▸ **Exercise description**: Given the material below, return only the lines starting at the line with "END-ISO-10303-21;" and ending at the line with "#59=IFCINDEXEDPOLYGONALFACE((2,14,16,4));", exactly as they appear.

▸ **Data under study**:
=== Begin Enclosure ===

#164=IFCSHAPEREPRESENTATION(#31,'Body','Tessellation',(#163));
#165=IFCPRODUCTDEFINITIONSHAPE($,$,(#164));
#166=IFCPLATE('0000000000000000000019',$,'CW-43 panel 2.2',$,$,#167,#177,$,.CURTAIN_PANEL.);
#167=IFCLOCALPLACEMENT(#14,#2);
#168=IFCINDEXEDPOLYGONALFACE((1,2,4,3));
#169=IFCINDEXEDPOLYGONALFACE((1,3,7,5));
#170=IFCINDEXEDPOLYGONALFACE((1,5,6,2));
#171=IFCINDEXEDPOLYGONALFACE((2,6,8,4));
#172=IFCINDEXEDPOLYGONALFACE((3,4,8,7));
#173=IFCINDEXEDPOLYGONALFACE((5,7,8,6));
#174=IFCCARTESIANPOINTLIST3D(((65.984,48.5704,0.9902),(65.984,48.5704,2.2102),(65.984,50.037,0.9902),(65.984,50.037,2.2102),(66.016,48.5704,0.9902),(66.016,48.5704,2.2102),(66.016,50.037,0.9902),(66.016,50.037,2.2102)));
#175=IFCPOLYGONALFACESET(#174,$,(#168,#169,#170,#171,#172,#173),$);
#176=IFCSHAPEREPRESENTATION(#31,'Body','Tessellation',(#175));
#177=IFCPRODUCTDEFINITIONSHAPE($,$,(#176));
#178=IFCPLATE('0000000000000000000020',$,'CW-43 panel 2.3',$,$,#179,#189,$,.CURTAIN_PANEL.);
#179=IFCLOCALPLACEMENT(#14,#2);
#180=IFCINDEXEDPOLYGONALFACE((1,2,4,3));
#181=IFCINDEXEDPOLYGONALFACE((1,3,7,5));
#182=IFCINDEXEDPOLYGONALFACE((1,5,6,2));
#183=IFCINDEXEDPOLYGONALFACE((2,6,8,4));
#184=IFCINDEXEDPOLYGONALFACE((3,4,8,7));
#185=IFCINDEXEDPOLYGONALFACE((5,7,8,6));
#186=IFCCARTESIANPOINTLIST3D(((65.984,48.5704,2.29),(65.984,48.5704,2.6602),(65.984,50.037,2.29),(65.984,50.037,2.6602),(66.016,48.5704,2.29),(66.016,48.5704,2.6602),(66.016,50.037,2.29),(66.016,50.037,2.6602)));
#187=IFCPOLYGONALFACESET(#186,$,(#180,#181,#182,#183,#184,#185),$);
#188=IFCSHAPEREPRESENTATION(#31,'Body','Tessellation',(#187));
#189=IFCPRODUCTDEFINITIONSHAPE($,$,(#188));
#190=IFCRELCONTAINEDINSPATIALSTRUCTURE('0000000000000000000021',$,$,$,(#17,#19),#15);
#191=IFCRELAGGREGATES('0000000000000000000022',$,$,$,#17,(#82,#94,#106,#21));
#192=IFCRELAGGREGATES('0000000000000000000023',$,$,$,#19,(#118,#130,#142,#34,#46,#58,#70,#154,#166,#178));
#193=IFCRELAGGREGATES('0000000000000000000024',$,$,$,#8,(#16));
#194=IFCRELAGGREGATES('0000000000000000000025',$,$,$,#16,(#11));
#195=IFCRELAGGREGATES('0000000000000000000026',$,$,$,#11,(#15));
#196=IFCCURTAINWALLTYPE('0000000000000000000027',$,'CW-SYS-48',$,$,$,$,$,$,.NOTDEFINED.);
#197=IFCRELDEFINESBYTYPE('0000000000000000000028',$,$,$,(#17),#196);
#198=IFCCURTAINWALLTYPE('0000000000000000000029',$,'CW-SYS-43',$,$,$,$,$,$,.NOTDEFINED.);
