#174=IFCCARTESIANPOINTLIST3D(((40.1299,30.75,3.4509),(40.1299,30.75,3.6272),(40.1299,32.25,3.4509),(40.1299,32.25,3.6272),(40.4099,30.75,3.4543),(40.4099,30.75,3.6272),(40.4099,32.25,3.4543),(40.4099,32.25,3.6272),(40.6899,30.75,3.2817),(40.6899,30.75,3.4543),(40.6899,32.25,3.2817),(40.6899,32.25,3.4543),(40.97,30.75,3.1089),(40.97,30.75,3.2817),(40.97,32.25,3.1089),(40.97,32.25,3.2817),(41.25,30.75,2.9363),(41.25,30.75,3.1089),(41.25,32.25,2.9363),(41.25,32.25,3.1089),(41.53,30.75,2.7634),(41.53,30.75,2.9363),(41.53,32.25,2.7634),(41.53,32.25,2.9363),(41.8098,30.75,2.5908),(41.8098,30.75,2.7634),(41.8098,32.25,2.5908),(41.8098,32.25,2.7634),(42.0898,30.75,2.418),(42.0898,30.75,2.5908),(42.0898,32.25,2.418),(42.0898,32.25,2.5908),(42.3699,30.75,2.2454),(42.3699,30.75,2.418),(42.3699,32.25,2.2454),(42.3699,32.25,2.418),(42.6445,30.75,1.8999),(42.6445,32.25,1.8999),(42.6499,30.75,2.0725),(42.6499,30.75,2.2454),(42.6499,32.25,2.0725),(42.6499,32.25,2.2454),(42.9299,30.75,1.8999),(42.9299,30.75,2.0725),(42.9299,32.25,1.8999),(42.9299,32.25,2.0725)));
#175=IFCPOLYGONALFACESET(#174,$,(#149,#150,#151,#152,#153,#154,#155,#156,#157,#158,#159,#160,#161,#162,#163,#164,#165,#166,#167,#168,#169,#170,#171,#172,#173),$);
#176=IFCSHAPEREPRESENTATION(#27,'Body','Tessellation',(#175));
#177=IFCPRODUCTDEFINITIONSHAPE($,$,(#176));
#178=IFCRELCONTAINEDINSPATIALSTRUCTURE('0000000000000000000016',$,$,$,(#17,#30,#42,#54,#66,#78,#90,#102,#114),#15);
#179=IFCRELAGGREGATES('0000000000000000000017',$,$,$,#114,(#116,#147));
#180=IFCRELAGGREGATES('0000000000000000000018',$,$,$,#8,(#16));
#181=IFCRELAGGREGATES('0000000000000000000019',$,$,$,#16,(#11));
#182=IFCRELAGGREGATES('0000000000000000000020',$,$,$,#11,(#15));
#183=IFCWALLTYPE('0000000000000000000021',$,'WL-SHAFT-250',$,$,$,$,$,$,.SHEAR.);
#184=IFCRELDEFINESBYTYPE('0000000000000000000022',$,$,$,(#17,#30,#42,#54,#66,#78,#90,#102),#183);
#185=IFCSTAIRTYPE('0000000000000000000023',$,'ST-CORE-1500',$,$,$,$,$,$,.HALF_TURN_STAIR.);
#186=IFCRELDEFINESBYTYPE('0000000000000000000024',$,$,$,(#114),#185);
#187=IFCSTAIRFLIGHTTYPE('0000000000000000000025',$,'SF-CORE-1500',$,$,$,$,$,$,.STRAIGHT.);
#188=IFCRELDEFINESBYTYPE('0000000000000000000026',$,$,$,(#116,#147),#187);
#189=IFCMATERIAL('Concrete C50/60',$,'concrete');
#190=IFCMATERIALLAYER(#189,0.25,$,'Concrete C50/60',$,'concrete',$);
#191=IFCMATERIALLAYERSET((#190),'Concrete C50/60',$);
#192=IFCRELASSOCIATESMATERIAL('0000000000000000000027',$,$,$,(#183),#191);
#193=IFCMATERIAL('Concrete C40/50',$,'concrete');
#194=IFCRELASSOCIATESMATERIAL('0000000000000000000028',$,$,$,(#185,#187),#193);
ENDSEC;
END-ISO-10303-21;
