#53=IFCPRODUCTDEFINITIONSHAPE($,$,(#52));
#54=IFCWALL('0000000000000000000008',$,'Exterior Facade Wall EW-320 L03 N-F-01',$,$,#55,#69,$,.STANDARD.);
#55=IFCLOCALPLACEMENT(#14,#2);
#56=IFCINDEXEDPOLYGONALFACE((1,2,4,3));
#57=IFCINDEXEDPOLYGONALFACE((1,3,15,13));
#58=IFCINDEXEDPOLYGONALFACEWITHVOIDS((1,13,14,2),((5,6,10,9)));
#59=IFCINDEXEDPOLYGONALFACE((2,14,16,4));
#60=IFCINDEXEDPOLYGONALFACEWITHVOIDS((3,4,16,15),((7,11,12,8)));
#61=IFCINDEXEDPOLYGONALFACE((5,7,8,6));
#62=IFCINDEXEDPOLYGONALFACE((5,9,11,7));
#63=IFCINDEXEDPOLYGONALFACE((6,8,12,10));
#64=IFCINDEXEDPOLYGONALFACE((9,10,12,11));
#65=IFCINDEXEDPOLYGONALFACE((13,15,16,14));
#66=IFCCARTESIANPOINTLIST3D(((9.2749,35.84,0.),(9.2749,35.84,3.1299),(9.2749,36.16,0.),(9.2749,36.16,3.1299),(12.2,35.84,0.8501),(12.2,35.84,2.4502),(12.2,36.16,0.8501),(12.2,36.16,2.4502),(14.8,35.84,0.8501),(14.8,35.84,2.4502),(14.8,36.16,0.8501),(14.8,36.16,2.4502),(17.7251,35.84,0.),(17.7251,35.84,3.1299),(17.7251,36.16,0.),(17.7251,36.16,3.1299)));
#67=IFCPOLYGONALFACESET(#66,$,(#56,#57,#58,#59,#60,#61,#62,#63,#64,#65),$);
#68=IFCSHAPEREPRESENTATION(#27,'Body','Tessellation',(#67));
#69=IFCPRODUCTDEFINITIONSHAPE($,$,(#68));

=== End Enclosure ===

▸ **Response area**:
END-ISO-10303-21;
#53=IFCPRODUCTDEFINITIONSHAPE($,$,(#52));
#54=IFCWALL('0000000000000000000008',$,'Exterior Facade Wall EW-320 L03 N-F-01',$,$,#55,#69,$,.STANDARD.);
#55=IFCLOCALPLACEMENT(#14,#2);
#56=IFCINDEXEDPOLYGONALFACE((1,2,4,3));
#57=IFCINDEXEDPOLYGONALFACE((1,3,15,13));
#58=IFCINDEXEDPOLYGONALFACEWITHVOIDS((1,13,14,2),((5,6,10,9)));
#59=IFCINDEXEDPOLYGONALFACE((2,14,16,4));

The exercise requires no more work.